*Exercise*
Please report each line of the data below that contains "Tower".

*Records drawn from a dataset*

————————

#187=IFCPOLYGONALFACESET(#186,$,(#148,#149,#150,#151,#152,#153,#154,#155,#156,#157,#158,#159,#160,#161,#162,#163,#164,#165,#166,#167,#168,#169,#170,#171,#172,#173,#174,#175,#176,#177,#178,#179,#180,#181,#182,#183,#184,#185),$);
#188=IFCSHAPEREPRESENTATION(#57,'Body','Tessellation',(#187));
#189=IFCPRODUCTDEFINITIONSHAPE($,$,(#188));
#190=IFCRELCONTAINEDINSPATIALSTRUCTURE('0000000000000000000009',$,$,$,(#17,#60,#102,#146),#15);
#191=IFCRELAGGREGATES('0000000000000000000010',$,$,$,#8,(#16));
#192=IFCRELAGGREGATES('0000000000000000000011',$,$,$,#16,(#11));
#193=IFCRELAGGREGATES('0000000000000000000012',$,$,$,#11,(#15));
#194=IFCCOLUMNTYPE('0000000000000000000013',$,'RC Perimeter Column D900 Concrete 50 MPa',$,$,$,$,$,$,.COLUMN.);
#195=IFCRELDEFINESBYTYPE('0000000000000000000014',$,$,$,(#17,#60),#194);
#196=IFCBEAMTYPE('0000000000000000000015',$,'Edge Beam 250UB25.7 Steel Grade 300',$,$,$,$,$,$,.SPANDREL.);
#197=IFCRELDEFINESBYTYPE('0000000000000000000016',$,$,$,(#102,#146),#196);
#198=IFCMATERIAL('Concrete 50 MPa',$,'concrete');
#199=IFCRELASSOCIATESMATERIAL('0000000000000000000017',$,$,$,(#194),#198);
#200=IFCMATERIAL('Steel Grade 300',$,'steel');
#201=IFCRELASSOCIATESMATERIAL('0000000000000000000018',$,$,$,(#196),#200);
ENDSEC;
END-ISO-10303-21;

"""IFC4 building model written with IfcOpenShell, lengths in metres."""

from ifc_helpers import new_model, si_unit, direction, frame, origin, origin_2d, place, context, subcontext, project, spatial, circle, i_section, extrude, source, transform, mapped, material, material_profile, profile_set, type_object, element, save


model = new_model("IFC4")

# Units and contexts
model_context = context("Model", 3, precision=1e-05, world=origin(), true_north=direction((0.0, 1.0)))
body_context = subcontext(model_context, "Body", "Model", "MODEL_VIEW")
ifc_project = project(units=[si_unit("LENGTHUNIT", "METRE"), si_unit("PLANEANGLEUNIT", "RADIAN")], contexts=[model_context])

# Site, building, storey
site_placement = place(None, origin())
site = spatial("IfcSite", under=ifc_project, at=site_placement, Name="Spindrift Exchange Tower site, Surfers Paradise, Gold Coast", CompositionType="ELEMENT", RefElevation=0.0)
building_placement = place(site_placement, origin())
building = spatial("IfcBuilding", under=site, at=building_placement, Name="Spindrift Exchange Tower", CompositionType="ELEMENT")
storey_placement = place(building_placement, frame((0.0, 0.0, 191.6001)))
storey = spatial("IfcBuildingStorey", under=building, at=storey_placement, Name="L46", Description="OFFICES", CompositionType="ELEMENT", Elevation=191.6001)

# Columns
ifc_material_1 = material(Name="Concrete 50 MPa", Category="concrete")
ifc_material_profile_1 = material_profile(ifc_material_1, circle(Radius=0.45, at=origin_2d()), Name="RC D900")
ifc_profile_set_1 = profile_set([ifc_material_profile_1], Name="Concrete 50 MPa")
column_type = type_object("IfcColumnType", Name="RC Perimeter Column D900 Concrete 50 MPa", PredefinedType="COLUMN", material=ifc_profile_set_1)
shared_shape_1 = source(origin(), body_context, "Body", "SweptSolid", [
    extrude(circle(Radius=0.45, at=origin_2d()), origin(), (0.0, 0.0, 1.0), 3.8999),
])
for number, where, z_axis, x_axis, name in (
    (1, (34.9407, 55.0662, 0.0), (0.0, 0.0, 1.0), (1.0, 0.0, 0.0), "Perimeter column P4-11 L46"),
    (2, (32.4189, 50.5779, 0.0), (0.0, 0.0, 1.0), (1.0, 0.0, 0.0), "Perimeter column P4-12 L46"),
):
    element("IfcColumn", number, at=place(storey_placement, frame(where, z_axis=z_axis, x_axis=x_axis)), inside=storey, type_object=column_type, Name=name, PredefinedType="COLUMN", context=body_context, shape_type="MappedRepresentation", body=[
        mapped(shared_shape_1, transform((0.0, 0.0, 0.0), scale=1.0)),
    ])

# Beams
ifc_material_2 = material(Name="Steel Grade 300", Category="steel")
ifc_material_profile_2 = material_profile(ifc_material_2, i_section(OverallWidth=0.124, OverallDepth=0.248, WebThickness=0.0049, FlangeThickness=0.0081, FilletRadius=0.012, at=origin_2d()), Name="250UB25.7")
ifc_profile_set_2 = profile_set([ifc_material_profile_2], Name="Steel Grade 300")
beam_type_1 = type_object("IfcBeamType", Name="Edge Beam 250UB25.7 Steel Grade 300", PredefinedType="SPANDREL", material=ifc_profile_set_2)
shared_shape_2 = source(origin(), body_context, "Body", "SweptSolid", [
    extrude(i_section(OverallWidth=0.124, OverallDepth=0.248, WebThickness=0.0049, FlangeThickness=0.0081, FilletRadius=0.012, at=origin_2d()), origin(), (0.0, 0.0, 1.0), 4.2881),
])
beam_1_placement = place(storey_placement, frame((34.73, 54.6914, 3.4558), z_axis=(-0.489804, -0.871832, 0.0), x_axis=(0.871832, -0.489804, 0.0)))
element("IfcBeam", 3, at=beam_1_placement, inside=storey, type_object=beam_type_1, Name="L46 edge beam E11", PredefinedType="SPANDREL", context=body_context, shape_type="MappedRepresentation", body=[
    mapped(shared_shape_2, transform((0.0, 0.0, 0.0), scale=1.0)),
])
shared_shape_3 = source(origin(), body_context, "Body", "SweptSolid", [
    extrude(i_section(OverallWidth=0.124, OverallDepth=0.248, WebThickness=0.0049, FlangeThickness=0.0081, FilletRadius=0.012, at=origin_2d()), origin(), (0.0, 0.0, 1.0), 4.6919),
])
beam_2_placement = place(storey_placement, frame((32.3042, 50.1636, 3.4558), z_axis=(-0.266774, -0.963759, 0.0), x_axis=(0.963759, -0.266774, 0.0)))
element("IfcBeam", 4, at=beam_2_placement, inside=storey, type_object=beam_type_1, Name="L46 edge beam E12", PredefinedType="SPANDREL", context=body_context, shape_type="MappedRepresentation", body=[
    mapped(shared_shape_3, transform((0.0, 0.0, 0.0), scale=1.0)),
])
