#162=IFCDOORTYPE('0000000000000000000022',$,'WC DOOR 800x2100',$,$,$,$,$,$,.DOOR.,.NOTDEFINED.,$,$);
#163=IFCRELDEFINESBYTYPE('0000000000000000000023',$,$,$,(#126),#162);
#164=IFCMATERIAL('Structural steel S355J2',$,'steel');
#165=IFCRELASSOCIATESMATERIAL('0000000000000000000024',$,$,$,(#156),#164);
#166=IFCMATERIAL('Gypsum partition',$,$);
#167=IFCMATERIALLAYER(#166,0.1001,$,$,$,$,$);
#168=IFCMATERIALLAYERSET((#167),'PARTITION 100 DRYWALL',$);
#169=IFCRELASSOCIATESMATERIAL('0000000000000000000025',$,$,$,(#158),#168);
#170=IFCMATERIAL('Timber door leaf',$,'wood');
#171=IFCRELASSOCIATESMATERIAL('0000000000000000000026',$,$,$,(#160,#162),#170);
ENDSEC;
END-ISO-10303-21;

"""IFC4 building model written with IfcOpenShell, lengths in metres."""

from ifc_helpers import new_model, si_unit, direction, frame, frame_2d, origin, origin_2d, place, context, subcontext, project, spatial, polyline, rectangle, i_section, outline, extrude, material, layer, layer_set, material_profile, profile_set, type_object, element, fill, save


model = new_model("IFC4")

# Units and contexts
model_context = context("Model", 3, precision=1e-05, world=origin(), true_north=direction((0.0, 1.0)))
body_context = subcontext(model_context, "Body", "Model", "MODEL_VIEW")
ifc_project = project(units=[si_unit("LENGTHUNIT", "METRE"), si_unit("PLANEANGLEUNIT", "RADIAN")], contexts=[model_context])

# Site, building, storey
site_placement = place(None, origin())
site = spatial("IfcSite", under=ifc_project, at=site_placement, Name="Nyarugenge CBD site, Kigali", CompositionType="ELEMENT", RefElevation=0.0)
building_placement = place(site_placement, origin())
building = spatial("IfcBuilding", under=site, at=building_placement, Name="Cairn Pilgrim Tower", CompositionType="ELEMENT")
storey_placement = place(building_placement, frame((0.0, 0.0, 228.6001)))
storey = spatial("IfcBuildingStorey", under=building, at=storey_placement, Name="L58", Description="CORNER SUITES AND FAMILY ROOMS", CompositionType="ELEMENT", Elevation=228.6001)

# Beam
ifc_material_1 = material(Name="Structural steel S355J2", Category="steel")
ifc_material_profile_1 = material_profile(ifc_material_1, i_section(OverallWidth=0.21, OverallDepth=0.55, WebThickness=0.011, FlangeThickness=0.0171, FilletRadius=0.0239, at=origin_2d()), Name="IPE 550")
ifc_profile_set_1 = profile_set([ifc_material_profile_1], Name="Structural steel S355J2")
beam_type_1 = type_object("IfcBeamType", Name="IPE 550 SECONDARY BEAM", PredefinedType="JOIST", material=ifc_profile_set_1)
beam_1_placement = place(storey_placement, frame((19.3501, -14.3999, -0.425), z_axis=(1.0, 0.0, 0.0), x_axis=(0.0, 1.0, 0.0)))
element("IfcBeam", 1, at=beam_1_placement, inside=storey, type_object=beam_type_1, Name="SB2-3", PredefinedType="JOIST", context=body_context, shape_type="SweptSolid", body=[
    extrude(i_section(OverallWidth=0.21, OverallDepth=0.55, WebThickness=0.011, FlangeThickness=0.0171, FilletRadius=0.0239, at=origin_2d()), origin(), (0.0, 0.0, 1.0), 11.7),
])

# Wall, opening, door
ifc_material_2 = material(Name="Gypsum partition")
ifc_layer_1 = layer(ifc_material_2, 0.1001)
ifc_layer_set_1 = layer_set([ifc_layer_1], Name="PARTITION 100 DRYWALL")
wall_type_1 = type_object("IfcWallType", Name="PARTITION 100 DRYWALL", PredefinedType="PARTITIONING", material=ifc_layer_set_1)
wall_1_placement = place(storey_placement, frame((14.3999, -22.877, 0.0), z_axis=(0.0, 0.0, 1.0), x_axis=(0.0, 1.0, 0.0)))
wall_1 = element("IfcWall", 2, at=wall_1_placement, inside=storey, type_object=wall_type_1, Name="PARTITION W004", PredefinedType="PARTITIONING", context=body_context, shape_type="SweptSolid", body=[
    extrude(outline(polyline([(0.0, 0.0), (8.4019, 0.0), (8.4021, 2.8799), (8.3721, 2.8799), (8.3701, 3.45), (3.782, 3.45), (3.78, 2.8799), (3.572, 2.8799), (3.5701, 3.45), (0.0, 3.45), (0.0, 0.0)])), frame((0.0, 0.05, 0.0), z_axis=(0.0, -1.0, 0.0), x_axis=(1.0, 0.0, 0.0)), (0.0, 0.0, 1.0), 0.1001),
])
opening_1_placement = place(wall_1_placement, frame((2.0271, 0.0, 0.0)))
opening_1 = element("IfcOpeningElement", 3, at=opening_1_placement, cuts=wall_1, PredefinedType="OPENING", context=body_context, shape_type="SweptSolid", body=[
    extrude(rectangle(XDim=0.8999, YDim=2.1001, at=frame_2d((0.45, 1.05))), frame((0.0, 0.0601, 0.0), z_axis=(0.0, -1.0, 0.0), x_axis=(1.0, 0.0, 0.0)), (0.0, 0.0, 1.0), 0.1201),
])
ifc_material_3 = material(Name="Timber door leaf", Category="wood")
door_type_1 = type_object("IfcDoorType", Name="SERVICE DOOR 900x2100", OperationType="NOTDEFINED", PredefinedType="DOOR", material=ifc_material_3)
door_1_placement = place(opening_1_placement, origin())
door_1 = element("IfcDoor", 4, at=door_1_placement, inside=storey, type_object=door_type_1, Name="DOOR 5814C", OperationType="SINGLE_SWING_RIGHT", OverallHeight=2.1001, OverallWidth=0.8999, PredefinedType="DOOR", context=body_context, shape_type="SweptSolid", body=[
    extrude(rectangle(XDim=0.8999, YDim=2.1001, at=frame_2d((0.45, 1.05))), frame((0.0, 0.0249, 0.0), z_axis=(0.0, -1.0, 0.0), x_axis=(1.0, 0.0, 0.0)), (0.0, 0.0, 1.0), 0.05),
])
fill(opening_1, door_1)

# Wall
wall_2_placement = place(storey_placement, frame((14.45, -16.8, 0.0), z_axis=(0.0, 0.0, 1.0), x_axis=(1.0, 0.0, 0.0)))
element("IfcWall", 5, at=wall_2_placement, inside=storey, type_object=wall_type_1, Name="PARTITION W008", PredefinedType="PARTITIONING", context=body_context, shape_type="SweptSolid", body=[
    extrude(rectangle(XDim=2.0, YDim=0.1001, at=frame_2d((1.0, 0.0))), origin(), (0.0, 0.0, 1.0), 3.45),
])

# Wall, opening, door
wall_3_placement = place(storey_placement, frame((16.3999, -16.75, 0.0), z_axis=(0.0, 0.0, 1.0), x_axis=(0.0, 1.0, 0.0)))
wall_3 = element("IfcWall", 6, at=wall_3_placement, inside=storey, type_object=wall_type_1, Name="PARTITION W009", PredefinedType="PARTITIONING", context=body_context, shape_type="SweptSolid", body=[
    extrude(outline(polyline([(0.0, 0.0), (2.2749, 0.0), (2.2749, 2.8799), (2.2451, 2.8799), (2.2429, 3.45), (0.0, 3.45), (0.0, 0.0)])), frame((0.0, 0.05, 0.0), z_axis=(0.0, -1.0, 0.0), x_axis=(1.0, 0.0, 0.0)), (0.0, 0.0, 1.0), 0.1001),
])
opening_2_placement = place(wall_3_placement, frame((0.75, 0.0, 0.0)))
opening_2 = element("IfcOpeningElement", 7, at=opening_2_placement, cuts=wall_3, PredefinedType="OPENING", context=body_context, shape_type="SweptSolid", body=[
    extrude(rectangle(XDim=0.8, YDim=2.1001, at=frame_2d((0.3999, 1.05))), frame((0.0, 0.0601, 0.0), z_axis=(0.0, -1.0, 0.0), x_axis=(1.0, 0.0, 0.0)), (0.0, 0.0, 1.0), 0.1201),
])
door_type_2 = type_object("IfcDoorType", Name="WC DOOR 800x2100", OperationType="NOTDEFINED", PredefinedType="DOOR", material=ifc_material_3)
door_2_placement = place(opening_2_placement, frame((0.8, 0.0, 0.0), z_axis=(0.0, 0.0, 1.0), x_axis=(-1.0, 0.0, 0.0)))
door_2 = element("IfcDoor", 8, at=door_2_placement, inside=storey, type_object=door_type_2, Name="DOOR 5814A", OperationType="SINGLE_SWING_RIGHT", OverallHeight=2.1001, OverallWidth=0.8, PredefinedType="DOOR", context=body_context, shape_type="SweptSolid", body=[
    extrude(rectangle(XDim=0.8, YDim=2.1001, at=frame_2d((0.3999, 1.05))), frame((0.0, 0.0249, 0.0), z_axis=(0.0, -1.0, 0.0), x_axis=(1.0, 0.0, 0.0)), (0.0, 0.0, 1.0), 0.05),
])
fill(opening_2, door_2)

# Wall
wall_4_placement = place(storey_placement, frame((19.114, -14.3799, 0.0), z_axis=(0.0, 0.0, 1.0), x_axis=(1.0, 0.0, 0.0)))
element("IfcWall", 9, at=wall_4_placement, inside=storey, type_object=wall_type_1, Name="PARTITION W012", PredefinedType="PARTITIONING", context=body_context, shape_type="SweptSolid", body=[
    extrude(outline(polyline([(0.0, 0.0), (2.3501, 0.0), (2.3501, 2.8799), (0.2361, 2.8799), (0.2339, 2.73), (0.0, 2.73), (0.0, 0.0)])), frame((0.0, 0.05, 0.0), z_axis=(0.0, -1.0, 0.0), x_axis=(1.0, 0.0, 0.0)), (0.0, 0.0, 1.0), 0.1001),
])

————————

*Solution to this task*
site = spatial("IfcSite", under=ifc_project, at=site_placement, Name="Spindrift Exchange Tower site, Surfers Paradise, Gold Coast", CompositionType="ELEMENT", RefElevation=0.0)
building = spatial("IfcBuilding", under=site, at=building_placement, Name="Spindrift Exchange Tower", CompositionType="ELEMENT")
building = spatial("IfcBuilding", under=site, at=building_placement, Name="Cairn Pilgrim Tower", CompositionType="ELEMENT")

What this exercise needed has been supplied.